### What you should do
Output everything in the listing exactly.

··········

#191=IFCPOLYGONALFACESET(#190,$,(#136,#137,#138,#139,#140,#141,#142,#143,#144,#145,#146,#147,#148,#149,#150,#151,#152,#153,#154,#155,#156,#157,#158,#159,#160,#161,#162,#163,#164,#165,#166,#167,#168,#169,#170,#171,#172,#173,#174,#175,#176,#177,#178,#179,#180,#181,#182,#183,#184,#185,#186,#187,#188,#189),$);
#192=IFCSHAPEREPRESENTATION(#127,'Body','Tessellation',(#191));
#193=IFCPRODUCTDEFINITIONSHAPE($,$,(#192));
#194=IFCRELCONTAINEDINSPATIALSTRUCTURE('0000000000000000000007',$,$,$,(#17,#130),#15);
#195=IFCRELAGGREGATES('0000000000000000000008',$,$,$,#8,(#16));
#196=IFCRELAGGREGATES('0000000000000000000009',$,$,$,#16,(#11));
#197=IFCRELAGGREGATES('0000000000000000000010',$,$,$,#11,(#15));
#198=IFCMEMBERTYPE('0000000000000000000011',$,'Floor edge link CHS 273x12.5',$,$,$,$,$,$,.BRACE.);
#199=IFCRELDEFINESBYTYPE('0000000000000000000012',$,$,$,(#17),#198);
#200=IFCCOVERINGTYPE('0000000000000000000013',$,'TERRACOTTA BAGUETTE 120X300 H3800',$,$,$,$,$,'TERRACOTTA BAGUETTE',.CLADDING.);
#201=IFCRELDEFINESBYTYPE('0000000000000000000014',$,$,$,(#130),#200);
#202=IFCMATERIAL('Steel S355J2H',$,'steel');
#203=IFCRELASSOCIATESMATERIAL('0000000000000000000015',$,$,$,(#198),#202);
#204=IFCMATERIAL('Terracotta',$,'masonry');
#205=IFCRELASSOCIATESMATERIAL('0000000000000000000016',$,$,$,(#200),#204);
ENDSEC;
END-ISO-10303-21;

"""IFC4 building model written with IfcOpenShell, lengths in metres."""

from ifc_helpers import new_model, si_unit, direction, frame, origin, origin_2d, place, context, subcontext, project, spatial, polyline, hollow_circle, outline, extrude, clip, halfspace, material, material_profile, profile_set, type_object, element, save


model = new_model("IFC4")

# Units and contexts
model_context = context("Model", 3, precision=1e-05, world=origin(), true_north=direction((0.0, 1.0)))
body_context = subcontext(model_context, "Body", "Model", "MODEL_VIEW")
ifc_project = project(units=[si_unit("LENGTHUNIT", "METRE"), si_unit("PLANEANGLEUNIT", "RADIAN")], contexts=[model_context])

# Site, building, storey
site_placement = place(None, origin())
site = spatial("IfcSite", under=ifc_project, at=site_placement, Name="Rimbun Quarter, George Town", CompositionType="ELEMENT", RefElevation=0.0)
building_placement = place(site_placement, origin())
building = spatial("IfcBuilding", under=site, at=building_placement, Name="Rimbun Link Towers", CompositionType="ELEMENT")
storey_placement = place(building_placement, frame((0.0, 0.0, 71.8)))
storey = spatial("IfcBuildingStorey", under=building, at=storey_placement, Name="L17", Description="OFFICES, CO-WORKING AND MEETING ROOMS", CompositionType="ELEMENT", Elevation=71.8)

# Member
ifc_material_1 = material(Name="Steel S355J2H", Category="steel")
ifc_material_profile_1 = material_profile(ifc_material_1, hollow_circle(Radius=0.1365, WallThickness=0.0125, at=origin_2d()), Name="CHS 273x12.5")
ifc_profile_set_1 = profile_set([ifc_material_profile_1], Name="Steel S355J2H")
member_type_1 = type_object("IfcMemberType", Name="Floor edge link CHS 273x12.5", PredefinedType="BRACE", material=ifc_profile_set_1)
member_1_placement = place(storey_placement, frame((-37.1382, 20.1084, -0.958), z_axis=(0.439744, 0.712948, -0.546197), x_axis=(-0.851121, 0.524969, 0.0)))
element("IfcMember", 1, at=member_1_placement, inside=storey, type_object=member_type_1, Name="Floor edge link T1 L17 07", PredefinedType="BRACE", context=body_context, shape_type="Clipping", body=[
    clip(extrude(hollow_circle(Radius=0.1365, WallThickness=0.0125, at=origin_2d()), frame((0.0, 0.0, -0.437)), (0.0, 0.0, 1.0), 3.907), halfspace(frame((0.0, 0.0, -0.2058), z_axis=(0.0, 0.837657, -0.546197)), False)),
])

··········

### Solution to the problem
#191=IFCPOLYGONALFACESET(#190,$,(#136,#137,#138,#139,#140,#141,#142,#143,#144,#145,#146,#147,#148,#149,#150,#151,#152,#153,#154,#155,#156,#157,#158,#159,#160,#161,#162,#163,#164,#165,#166,#167,#168,#169,#170,#171,#172,#173,#174,#175,#176,#177,#178,#179,#180,#181,#182,#183,#184,#185,#186,#187,#188,#189),$);
#192=IFCSHAPEREPRESENTATION(#127,'Body','Tessellation',(#191));
#193=IFCPRODUCTDEFINITIONSHAPE($,$,(#192));
#194=IFCRELCONTAINEDINSPATIALSTRUCTURE('0000000000000000000007',$,$,$,(#17,#130),#15);
#195=IFCRELAGGREGATES('0000000000000000000008',$,$,$,#8,(#16));
#196=IFCRELAGGREGATES('0000000000000000000009',$,$,$,#16,(#11));
#197=IFCRELAGGREGATES('0000000000000000000010',$,$,$,#11,(#15));
#198=IFCMEMBERTYPE('0000000000000000000011',$,'Floor edge link CHS 273x12.5',$,$,$,$,$,$,.BRACE.);
#199=IFCRELDEFINESBYTYPE('0000000000000000000012',$,$,$,(#17),#198);
#200=IFCCOVERINGTYPE('0000000000000000000013',$,'TERRACOTTA BAGUETTE 120X300 H3800',$,$,$,$,$,'TERRACOTTA BAGUETTE',.CLADDING.);
#201=IFCRELDEFINESBYTYPE('0000000000000000000014',$,$,$,(#130),#200);
#202=IFCMATERIAL('Steel S355J2H',$,'steel');
#203=IFCRELASSOCIATESMATERIAL('0000000000000000000015',$,$,$,(#198),#202);
#204=IFCMATERIAL('Terracotta',$,'masonry');
#205=IFCRELASSOCIATESMATERIAL('0000000000000000000016',$,$,$,(#200),#204);
ENDSEC;
END-ISO-10303-21;

"""IFC4 building model written with IfcOpenShell, lengths in metres."""

from ifc_helpers import new_model, si_unit, direction, frame, origin, origin_2d, place, context, subcontext, project, spatial, polyline, hollow_circle, outline, extrude, clip, halfspace, material, material_profile, profile_set, type_object, element, save


model = new_model("IFC4")

# Units and contexts
model_context = context("Model", 3, precision=1e-05, world=origin(), true_north=direction((0.0, 1.0)))
body_context = subcontext(model_context, "Body", "Model", "MODEL_VIEW")
ifc_project = project(units=[si_unit("LENGTHUNIT", "METRE"), si_unit("PLANEANGLEUNIT", "RADIAN")], contexts=[model_context])

# Site, building, storey
site_placement = place(None, origin())
site = spatial("IfcSite", under=ifc_project, at=site_placement, Name="Rimbun Quarter, George Town", CompositionType="ELEMENT", RefElevation=0.0)
building_placement = place(site_placement, origin())
building = spatial("IfcBuilding", under=site, at=building_placement, Name="Rimbun Link Towers", CompositionType="ELEMENT")
storey_placement = place(building_placement, frame((0.0, 0.0, 71.8)))
storey = spatial("IfcBuildingStorey", under=building, at=storey_placement, Name="L17", Description="OFFICES, CO-WORKING AND MEETING ROOMS", CompositionType="ELEMENT", Elevation=71.8)

# Member
ifc_material_1 = material(Name="Steel S355J2H", Category="steel")
ifc_material_profile_1 = material_profile(ifc_material_1, hollow_circle(Radius=0.1365, WallThickness=0.0125, at=origin_2d()), Name="CHS 273x12.5")
ifc_profile_set_1 = profile_set([ifc_material_profile_1], Name="Steel S355J2H")
member_type_1 = type_object("IfcMemberType", Name="Floor edge link CHS 273x12.5", PredefinedType="BRACE", material=ifc_profile_set_1)
member_1_placement = place(storey_placement, frame((-37.1382, 20.1084, -0.958), z_axis=(0.439744, 0.712948, -0.546197), x_axis=(-0.851121, 0.524969, 0.0)))
element("IfcMember", 1, at=member_1_placement, inside=storey, type_object=member_type_1, Name="Floor edge link T1 L17 07", PredefinedType="BRACE", context=body_context, shape_type="Clipping", body=[
    clip(extrude(hollow_circle(Radius=0.1365, WallThickness=0.0125, at=origin_2d()), frame((0.0, 0.0, -0.437)), (0.0, 0.0, 1.0), 3.907), halfspace(frame((0.0, 0.0, -0.2058), z_axis=(0.0, 0.837657, -0.546197)), False)),
])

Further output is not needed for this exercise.